Goal of the exercise
Below are the records; give again exactly the line with "#122=IFCSHAPEREPRESENTATION(#27,'Body','Tessellation',(#121));", the line with "#127=IFCINDEXEDPOLYGONALFACE((1,7,15,9));", and each line that lies between them, and nothing besides.

------ Input

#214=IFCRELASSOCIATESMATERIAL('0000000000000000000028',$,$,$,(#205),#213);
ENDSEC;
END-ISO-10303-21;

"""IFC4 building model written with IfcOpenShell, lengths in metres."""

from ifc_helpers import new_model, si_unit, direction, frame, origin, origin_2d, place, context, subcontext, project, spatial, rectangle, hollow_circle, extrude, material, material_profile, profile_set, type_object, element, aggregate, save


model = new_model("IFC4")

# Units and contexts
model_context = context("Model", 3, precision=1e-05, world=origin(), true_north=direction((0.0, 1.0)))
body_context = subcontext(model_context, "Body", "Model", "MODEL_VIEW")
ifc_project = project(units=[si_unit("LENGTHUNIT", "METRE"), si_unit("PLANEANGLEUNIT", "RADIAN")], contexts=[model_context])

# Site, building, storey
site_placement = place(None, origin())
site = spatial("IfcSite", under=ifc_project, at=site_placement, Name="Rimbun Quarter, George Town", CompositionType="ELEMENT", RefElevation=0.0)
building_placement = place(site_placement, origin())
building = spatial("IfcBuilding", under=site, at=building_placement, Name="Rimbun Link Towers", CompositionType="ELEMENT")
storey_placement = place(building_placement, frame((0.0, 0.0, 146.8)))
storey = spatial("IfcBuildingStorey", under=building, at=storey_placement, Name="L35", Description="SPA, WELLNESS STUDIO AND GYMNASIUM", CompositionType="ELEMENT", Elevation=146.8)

------------
------ Input

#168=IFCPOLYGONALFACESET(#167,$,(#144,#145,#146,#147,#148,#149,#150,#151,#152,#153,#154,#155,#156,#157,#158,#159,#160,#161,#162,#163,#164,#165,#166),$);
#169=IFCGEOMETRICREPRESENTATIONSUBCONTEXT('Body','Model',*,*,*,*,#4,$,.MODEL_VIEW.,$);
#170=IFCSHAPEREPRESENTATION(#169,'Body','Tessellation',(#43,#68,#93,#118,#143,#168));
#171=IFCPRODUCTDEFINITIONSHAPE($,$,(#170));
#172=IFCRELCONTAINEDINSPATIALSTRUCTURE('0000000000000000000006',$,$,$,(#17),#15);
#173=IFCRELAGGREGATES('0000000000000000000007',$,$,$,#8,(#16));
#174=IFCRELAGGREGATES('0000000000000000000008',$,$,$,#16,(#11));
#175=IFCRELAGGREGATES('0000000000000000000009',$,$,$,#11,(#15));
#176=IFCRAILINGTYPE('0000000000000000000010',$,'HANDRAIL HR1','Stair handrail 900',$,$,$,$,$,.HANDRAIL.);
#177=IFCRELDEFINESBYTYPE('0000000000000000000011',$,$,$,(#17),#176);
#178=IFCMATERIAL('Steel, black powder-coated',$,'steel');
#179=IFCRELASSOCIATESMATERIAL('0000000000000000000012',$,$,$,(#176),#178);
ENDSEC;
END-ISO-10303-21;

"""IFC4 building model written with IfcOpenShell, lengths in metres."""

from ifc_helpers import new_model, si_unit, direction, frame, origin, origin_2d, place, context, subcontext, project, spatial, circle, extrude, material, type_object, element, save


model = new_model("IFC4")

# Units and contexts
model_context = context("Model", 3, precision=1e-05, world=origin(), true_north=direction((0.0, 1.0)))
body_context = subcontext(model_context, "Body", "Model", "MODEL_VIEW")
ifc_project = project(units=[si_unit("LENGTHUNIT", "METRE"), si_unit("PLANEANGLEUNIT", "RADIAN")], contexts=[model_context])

------------
------ Input

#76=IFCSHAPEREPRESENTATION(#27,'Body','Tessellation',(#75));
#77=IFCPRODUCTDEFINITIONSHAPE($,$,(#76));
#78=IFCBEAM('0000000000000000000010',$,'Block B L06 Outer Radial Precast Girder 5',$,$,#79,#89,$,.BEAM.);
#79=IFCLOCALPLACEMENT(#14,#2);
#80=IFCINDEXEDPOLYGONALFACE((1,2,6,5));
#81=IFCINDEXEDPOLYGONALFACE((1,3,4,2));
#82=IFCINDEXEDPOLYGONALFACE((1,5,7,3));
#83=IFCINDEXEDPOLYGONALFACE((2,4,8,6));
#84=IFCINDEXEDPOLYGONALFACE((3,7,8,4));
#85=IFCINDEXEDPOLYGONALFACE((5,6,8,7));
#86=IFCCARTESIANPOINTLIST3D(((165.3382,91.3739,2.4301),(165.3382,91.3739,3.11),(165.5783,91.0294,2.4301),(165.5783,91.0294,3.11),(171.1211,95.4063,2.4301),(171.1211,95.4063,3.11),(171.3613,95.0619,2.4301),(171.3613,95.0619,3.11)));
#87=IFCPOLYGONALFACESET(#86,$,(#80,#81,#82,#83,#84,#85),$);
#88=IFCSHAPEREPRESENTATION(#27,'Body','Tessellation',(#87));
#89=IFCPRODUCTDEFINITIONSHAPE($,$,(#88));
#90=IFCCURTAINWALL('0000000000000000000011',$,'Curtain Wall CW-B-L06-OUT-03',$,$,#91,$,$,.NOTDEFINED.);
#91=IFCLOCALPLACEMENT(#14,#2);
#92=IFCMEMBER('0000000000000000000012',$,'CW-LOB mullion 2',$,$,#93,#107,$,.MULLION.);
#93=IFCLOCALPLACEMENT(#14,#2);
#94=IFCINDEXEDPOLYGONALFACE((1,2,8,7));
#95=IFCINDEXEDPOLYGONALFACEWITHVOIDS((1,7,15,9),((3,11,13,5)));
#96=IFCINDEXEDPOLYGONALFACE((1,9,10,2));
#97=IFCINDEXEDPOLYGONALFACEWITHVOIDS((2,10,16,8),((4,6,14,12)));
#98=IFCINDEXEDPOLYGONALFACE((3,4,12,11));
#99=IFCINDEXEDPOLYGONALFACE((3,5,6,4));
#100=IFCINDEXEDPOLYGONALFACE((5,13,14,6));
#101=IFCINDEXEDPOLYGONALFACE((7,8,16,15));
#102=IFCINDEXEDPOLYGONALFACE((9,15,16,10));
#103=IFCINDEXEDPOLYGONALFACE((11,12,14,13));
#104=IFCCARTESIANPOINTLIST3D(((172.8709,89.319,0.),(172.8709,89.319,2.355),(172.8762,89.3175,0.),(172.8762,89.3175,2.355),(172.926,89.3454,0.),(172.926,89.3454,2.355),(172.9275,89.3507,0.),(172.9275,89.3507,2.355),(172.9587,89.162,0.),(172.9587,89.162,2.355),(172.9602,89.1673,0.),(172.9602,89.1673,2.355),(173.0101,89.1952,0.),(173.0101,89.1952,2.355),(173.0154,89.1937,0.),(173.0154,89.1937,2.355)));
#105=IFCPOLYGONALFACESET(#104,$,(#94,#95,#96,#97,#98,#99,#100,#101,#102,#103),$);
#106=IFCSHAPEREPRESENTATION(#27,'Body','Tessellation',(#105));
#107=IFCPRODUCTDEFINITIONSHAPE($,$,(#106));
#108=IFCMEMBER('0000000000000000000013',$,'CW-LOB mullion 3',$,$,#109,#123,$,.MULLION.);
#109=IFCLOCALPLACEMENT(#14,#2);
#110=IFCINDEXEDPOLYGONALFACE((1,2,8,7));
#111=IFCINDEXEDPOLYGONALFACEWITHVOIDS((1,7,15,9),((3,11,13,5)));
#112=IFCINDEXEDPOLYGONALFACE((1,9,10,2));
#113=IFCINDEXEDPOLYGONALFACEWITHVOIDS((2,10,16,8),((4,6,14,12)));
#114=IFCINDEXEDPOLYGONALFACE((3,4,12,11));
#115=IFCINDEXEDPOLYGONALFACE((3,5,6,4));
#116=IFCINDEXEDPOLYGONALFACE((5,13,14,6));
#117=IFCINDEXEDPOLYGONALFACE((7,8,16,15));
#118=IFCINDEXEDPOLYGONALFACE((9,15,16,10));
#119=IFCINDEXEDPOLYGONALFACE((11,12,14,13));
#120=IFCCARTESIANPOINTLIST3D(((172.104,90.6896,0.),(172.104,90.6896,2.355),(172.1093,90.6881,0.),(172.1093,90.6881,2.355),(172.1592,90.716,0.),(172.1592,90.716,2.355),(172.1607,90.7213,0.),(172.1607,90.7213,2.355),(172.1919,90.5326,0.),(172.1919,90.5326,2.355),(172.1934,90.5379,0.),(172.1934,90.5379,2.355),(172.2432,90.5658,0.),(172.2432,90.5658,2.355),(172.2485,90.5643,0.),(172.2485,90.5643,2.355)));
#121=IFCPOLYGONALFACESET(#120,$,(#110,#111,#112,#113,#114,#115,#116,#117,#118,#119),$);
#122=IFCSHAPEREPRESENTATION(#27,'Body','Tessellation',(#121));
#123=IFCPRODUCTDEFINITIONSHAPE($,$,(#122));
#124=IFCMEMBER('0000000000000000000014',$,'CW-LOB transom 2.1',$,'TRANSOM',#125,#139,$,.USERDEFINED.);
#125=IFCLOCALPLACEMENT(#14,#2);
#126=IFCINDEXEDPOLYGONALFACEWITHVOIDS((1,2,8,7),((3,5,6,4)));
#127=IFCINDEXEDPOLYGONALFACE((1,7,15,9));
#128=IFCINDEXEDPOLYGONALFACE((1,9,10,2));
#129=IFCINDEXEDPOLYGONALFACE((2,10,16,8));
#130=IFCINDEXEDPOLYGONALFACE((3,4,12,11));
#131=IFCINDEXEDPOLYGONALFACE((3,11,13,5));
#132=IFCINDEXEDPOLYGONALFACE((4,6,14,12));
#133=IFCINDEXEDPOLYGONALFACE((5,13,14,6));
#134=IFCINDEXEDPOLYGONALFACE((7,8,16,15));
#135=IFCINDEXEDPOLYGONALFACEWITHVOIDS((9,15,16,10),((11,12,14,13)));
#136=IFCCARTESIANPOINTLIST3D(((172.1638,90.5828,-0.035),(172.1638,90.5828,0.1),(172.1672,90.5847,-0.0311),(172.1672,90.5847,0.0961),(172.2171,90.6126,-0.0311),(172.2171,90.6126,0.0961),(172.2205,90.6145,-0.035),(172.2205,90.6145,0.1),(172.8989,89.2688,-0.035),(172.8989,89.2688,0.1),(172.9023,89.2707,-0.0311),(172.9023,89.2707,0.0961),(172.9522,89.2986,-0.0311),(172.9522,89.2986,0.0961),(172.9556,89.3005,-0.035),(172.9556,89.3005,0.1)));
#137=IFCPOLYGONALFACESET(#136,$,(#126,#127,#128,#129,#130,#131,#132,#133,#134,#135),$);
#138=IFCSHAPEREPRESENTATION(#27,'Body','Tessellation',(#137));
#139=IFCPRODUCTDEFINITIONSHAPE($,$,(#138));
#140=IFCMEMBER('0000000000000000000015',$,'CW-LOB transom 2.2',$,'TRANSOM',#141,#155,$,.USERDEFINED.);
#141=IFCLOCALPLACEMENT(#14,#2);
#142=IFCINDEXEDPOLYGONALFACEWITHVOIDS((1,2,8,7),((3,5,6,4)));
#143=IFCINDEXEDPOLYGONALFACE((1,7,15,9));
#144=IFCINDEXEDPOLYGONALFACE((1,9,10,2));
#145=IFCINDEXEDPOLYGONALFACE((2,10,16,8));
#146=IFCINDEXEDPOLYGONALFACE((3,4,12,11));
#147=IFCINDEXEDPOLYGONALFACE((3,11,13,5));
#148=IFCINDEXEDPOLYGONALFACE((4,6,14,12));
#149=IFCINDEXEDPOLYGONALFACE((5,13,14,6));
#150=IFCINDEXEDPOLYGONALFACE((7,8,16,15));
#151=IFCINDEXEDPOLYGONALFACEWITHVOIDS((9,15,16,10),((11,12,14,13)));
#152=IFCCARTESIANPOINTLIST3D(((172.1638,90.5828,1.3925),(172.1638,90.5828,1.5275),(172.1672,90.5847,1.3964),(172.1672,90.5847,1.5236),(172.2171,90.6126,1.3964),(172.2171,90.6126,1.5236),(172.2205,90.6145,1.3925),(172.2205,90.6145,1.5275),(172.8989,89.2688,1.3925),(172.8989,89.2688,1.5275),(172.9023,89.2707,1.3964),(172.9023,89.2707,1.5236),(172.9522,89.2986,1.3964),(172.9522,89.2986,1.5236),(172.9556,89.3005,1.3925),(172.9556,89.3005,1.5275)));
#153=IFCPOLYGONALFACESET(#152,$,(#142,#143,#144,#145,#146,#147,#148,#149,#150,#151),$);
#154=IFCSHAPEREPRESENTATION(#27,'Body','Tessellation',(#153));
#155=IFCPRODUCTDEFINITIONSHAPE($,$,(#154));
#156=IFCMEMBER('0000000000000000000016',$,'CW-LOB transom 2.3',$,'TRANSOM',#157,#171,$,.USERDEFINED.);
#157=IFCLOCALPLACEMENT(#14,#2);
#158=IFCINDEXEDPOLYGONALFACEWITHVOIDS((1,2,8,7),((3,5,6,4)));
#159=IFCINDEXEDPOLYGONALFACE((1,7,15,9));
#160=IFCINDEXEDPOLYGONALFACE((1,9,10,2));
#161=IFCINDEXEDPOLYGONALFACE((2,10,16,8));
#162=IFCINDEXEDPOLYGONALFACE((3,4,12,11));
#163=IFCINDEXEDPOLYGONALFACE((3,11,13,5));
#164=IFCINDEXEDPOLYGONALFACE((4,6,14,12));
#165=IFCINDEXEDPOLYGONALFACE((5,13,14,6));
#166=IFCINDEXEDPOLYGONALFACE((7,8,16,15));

------------

Solution below
#122=IFCSHAPEREPRESENTATION(#27,'Body','Tessellation',(#121));
#123=IFCPRODUCTDEFINITIONSHAPE($,$,(#122));
#124=IFCMEMBER('0000000000000000000014',$,'CW-LOB transom 2.1',$,'TRANSOM',#125,#139,$,.USERDEFINED.);
#125=IFCLOCALPLACEMENT(#14,#2);
#126=IFCINDEXEDPOLYGONALFACEWITHVOIDS((1,2,8,7),((3,5,6,4)));
#127=IFCINDEXEDPOLYGONALFACE((1,7,15,9));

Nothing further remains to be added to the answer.